The lines to copy are those with "IFCPOLYGONALFACESET" in them. Pull each one from the entries below.

• • • •

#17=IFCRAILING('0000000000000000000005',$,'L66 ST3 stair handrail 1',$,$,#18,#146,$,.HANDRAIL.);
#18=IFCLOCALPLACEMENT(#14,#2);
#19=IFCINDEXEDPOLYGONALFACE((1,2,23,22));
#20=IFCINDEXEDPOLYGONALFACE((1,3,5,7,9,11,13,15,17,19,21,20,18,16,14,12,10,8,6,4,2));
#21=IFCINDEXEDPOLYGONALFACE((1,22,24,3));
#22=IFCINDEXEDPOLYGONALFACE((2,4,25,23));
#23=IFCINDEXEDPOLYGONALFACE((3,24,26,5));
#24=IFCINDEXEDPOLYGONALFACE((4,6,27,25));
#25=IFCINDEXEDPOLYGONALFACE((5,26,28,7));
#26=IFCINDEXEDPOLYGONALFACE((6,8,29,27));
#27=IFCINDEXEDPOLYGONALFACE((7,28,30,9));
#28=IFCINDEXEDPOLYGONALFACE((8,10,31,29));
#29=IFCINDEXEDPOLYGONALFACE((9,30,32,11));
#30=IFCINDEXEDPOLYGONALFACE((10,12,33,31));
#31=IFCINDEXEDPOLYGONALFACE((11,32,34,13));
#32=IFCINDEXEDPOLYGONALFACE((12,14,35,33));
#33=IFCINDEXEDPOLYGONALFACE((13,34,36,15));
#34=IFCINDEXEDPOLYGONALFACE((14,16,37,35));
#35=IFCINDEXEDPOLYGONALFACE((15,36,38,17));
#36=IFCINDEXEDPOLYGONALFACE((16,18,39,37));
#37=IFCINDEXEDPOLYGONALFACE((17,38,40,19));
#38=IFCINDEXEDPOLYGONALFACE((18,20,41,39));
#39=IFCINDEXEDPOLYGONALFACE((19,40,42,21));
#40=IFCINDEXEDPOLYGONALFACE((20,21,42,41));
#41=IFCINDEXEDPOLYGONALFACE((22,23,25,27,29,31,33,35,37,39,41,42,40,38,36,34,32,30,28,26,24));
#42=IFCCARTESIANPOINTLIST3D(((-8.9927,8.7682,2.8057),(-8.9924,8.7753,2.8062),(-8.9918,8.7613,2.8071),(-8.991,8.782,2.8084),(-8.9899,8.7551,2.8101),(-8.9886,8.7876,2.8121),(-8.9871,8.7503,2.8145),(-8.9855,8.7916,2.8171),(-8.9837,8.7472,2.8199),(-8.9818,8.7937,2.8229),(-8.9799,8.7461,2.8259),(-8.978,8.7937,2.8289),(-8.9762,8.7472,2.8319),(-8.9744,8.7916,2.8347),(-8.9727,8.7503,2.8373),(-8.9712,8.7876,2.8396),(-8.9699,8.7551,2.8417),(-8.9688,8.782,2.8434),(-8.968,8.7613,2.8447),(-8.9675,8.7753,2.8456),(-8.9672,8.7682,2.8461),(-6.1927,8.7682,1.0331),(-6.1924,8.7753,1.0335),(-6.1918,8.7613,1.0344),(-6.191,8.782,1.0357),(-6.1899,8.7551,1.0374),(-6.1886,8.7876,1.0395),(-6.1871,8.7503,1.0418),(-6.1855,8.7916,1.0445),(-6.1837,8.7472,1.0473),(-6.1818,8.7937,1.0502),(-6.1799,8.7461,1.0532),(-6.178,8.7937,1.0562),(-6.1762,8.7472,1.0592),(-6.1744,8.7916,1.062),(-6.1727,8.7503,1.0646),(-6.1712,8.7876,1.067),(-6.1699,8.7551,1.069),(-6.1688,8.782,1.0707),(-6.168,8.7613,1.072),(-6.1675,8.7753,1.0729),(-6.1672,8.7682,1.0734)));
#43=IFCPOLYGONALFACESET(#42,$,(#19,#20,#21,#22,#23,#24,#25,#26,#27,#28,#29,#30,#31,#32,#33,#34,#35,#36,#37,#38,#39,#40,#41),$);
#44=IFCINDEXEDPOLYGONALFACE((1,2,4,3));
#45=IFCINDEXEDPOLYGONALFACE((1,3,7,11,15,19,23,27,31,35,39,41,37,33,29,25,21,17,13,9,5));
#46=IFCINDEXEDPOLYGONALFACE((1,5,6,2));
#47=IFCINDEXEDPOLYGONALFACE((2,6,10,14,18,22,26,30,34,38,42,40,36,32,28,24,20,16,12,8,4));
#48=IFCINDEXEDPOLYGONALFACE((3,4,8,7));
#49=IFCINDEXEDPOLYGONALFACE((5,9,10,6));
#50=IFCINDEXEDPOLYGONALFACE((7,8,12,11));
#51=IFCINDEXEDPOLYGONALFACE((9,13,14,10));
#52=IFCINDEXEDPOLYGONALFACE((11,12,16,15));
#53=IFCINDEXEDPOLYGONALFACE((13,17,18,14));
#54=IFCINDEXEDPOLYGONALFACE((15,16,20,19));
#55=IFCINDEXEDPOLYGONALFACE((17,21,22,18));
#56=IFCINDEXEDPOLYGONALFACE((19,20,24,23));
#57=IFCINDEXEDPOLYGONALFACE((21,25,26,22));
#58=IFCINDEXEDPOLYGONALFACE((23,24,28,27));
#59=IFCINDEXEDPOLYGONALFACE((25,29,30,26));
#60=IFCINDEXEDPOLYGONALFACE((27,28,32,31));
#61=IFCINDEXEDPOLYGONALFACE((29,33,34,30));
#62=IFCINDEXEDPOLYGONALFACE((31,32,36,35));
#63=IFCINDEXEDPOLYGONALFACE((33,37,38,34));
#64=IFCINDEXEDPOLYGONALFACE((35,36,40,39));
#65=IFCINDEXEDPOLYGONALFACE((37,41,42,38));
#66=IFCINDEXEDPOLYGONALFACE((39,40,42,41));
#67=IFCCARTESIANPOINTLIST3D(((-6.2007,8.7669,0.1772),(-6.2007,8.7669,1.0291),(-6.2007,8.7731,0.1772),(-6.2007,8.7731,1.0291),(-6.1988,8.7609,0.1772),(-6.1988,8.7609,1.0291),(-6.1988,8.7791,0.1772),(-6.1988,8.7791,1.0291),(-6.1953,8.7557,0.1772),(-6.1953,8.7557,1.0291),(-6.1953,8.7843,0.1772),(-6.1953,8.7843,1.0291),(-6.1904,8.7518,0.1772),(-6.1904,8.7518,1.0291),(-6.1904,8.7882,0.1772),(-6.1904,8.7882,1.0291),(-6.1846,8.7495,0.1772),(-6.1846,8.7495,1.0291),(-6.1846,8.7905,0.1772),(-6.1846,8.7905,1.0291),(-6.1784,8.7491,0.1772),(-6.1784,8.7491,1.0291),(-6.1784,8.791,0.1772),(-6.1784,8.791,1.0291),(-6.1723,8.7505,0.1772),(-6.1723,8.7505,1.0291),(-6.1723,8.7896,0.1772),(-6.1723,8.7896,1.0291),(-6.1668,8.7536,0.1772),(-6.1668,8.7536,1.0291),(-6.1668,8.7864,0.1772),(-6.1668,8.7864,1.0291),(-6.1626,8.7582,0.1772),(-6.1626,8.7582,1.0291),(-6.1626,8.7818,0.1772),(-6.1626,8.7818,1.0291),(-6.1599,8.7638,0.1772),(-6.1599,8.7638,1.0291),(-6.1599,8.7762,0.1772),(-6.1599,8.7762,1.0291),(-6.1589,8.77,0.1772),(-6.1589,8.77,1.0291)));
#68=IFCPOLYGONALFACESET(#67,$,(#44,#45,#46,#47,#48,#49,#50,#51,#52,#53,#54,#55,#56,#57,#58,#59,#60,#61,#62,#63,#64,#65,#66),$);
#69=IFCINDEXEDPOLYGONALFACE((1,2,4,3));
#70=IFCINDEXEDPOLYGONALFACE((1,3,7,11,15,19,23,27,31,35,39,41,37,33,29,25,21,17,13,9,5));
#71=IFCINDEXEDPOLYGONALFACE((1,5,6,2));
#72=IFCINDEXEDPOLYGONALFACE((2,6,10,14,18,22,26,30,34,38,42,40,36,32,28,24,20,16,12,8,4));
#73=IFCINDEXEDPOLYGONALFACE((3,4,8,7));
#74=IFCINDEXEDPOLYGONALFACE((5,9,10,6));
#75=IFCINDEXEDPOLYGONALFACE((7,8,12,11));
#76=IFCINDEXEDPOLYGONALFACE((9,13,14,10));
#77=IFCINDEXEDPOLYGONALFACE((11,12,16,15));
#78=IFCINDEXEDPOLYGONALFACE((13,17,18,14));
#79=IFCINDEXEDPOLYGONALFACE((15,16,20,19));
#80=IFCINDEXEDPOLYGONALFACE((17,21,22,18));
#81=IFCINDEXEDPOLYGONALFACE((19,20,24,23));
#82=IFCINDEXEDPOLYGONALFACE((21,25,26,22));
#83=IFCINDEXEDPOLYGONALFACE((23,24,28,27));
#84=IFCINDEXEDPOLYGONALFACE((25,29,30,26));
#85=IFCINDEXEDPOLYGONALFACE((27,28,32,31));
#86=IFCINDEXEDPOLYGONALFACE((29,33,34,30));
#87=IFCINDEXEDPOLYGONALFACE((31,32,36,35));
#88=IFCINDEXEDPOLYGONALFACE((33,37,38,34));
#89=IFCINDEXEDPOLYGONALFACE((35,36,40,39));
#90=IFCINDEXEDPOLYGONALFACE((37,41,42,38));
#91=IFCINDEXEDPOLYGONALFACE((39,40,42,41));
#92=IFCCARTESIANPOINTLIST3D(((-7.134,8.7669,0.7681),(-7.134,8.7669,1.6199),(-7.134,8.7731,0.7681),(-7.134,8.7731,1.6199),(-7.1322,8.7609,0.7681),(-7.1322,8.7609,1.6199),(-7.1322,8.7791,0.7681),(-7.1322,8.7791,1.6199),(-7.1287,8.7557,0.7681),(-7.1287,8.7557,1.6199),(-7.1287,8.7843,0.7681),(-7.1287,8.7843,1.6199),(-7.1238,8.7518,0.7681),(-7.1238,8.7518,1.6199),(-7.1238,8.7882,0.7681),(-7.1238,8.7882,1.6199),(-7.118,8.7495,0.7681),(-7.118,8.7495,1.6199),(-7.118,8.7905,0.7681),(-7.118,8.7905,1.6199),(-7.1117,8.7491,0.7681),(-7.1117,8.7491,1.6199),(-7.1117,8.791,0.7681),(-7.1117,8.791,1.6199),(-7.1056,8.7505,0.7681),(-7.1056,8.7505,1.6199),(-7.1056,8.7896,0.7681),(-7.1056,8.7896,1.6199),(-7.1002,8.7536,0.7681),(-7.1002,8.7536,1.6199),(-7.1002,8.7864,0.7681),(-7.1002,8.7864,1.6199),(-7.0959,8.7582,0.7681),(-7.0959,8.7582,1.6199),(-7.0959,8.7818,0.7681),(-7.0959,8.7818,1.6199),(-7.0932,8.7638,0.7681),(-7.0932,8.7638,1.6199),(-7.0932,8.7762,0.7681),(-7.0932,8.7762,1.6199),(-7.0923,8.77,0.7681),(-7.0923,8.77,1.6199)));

• • • •

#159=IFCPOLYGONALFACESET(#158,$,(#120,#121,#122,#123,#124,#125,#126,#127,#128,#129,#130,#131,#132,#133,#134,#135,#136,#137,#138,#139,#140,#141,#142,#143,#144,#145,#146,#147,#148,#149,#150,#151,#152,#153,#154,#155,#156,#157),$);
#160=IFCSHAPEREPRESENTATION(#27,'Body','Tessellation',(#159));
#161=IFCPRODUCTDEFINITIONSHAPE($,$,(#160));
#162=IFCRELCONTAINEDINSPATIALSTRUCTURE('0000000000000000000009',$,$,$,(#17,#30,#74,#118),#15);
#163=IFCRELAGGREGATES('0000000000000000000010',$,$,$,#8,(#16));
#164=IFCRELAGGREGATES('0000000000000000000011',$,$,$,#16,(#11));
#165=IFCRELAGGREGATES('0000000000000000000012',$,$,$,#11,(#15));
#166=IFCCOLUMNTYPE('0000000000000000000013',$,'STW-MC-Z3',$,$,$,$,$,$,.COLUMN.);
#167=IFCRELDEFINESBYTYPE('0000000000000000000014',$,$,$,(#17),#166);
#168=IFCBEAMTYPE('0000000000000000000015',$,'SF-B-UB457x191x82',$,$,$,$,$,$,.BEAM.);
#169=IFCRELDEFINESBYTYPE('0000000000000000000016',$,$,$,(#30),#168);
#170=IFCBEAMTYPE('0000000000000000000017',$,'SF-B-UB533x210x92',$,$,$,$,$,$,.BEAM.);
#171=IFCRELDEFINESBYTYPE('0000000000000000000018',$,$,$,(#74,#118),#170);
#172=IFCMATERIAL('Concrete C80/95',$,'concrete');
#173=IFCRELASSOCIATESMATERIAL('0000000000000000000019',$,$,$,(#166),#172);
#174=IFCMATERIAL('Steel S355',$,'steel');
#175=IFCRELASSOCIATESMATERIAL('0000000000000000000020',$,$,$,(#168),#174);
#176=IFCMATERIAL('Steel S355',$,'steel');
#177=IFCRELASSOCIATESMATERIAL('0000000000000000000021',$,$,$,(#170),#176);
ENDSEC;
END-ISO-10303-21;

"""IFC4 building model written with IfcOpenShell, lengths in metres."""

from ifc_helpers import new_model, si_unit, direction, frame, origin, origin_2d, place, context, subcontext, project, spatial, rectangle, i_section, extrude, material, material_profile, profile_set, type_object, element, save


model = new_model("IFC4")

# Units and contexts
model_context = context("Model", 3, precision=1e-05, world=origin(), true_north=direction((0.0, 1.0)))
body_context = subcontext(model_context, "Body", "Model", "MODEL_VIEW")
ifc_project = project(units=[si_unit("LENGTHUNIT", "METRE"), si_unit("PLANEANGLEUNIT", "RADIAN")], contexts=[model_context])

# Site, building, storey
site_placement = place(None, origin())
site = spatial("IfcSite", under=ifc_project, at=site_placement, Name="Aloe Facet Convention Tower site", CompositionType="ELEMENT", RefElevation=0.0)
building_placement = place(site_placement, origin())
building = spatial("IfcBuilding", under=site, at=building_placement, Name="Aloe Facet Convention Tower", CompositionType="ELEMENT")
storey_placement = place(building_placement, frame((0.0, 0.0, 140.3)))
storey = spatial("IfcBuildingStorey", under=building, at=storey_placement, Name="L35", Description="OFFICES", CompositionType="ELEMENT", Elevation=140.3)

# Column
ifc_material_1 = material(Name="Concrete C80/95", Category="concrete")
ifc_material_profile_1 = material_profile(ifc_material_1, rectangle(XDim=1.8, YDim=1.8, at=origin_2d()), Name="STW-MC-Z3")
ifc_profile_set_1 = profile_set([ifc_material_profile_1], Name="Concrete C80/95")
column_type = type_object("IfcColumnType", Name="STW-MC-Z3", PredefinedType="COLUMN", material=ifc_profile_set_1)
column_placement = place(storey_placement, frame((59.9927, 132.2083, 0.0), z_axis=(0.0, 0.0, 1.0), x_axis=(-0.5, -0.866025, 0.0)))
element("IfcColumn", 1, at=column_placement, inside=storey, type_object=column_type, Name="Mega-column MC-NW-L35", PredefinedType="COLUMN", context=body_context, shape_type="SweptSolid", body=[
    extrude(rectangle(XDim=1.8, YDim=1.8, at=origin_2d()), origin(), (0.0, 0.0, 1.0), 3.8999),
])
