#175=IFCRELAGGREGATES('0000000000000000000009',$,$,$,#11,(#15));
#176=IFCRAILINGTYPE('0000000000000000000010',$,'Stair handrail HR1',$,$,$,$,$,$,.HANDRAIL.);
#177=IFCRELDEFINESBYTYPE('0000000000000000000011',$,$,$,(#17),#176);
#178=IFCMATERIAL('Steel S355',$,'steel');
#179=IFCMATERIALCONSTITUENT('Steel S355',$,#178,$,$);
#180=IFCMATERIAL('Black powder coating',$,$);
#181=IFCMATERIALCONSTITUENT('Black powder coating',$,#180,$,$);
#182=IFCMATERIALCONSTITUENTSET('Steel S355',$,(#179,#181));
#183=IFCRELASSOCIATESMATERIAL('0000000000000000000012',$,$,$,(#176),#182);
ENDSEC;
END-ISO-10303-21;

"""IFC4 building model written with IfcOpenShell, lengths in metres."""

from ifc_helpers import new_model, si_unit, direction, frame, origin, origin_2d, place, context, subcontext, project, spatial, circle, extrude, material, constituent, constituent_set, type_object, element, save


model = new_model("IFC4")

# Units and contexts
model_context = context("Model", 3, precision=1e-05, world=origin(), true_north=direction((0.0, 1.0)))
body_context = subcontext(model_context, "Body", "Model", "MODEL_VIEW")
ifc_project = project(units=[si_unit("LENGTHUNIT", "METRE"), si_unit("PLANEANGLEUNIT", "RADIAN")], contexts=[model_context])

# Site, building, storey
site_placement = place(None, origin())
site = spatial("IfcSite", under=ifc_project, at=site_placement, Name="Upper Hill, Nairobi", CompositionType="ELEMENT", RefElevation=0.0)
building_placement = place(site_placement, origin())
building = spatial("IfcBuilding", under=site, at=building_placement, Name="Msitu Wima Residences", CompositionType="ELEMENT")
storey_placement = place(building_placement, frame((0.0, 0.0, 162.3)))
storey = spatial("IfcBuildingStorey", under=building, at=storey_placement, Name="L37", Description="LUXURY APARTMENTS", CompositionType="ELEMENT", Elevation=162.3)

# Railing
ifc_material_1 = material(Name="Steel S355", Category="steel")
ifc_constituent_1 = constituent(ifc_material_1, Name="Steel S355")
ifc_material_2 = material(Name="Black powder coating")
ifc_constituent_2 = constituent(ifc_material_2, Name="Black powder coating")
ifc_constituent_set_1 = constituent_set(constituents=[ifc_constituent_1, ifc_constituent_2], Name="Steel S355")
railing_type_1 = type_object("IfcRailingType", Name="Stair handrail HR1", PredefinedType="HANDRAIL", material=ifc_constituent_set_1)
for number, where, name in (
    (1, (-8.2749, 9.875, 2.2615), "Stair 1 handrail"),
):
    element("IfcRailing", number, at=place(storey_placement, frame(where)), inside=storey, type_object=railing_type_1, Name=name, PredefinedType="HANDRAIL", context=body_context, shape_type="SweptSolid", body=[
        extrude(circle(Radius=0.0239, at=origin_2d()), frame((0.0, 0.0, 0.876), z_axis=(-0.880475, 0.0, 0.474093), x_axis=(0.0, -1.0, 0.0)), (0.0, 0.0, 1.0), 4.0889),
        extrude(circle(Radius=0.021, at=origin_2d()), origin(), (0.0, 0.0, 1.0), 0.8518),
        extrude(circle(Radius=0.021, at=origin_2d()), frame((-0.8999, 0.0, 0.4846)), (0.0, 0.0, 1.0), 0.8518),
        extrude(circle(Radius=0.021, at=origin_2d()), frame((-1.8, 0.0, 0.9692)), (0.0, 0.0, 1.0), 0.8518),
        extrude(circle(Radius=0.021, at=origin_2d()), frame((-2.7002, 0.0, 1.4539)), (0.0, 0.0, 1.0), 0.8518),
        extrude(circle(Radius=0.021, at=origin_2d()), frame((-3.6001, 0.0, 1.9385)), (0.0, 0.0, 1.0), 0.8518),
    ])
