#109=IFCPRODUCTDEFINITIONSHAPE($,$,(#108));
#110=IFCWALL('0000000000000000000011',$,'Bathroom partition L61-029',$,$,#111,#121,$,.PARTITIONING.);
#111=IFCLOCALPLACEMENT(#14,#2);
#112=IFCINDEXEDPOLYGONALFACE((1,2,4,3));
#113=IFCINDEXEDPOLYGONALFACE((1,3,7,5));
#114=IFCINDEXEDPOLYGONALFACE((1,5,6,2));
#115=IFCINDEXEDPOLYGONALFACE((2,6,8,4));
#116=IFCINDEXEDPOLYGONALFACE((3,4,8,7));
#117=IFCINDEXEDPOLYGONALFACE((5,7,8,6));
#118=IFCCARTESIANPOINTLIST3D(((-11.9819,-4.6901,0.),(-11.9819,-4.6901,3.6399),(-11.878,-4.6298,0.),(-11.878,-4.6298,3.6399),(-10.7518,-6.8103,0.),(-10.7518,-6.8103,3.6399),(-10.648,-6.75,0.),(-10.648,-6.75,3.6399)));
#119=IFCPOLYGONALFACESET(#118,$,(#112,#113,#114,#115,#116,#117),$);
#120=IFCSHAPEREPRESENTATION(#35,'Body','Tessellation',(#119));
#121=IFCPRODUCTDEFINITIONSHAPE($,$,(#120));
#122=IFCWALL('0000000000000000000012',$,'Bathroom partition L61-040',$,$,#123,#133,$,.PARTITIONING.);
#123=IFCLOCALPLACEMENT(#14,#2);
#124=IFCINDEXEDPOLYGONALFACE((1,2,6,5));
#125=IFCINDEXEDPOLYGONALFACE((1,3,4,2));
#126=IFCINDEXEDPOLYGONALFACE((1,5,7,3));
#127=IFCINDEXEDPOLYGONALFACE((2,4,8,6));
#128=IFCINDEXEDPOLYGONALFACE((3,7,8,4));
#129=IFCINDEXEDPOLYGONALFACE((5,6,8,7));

• • • •

TASK SOLUTION:
#43=IFCPOLYGONALFACESET(#42,$,(#19,#20,#21,#22,#23,#24,#25,#26,#27,#28,#29,#30,#31,#32,#33,#34,#35,#36,#37,#38,#39,#40,#41),$);
#68=IFCPOLYGONALFACESET(#67,$,(#44,#45,#46,#47,#48,#49,#50,#51,#52,#53,#54,#55,#56,#57,#58,#59,#60,#61,#62,#63,#64,#65,#66),$);
#159=IFCPOLYGONALFACESET(#158,$,(#120,#121,#122,#123,#124,#125,#126,#127,#128,#129,#130,#131,#132,#133,#134,#135,#136,#137,#138,#139,#140,#141,#142,#143,#144,#145,#146,#147,#148,#149,#150,#151,#152,#153,#154,#155,#156,#157),$);
#119=IFCPOLYGONALFACESET(#118,$,(#112,#113,#114,#115,#116,#117),$);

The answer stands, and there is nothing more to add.